======== Dataset extract
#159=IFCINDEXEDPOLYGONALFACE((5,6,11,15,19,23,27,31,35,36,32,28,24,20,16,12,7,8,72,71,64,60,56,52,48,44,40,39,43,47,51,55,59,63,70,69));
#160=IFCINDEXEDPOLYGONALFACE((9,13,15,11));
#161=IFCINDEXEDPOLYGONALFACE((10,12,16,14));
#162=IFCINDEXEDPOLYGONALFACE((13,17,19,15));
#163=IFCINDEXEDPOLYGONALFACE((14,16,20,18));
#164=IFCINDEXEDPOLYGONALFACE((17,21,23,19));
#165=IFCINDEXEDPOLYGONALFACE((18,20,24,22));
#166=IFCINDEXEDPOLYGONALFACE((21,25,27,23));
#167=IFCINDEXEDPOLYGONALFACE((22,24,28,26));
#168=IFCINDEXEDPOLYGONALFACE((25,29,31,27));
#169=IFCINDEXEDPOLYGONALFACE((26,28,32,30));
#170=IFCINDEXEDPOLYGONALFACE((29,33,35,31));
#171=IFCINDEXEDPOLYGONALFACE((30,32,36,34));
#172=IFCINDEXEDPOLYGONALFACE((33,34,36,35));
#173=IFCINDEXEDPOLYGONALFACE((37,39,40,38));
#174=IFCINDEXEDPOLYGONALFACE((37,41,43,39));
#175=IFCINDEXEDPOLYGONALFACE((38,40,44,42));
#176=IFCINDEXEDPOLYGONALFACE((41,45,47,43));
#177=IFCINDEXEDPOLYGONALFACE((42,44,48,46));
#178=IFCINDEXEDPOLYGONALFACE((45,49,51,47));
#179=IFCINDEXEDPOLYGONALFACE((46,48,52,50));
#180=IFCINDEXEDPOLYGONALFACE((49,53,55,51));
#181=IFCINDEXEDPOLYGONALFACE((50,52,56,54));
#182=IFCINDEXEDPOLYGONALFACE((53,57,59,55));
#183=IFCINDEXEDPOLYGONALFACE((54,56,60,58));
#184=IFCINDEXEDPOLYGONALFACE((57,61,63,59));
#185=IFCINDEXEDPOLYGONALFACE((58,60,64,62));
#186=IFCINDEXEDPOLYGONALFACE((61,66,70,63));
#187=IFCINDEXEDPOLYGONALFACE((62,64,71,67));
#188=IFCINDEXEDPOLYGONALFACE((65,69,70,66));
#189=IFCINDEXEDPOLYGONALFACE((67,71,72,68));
================
#### Problem details
Output every line of the data again, exactly.

#### Output
#159=IFCINDEXEDPOLYGONALFACE((5,6,11,15,19,23,27,31,35,36,32,28,24,20,16,12,7,8,72,71,64,60,56,52,48,44,40,39,43,47,51,55,59,63,70,69));
#160=IFCINDEXEDPOLYGONALFACE((9,13,15,11));
#161=IFCINDEXEDPOLYGONALFACE((10,12,16,14));
#162=IFCINDEXEDPOLYGONALFACE((13,17,19,15));
#163=IFCINDEXEDPOLYGONALFACE((14,16,20,18));
#164=IFCINDEXEDPOLYGONALFACE((17,21,23,19));
#165=IFCINDEXEDPOLYGONALFACE((18,20,24,22));
#166=IFCINDEXEDPOLYGONALFACE((21,25,27,23));
#167=IFCINDEXEDPOLYGONALFACE((22,24,28,26));
#168=IFCINDEXEDPOLYGONALFACE((25,29,31,27));
#169=IFCINDEXEDPOLYGONALFACE((26,28,32,30));
#170=IFCINDEXEDPOLYGONALFACE((29,33,35,31));
#171=IFCINDEXEDPOLYGONALFACE((30,32,36,34));
#172=IFCINDEXEDPOLYGONALFACE((33,34,36,35));
#173=IFCINDEXEDPOLYGONALFACE((37,39,40,38));
#174=IFCINDEXEDPOLYGONALFACE((37,41,43,39));
#175=IFCINDEXEDPOLYGONALFACE((38,40,44,42));
#176=IFCINDEXEDPOLYGONALFACE((41,45,47,43));
#177=IFCINDEXEDPOLYGONALFACE((42,44,48,46));
#178=IFCINDEXEDPOLYGONALFACE((45,49,51,47));
#179=IFCINDEXEDPOLYGONALFACE((46,48,52,50));
#180=IFCINDEXEDPOLYGONALFACE((49,53,55,51));
#181=IFCINDEXEDPOLYGONALFACE((50,52,56,54));
#182=IFCINDEXEDPOLYGONALFACE((53,57,59,55));
#183=IFCINDEXEDPOLYGONALFACE((54,56,60,58));
#184=IFCINDEXEDPOLYGONALFACE((57,61,63,59));
#185=IFCINDEXEDPOLYGONALFACE((58,60,64,62));
#186=IFCINDEXEDPOLYGONALFACE((61,66,70,63));
#187=IFCINDEXEDPOLYGONALFACE((62,64,71,67));
#188=IFCINDEXEDPOLYGONALFACE((65,69,70,66));
#189=IFCINDEXEDPOLYGONALFACE((67,71,72,68));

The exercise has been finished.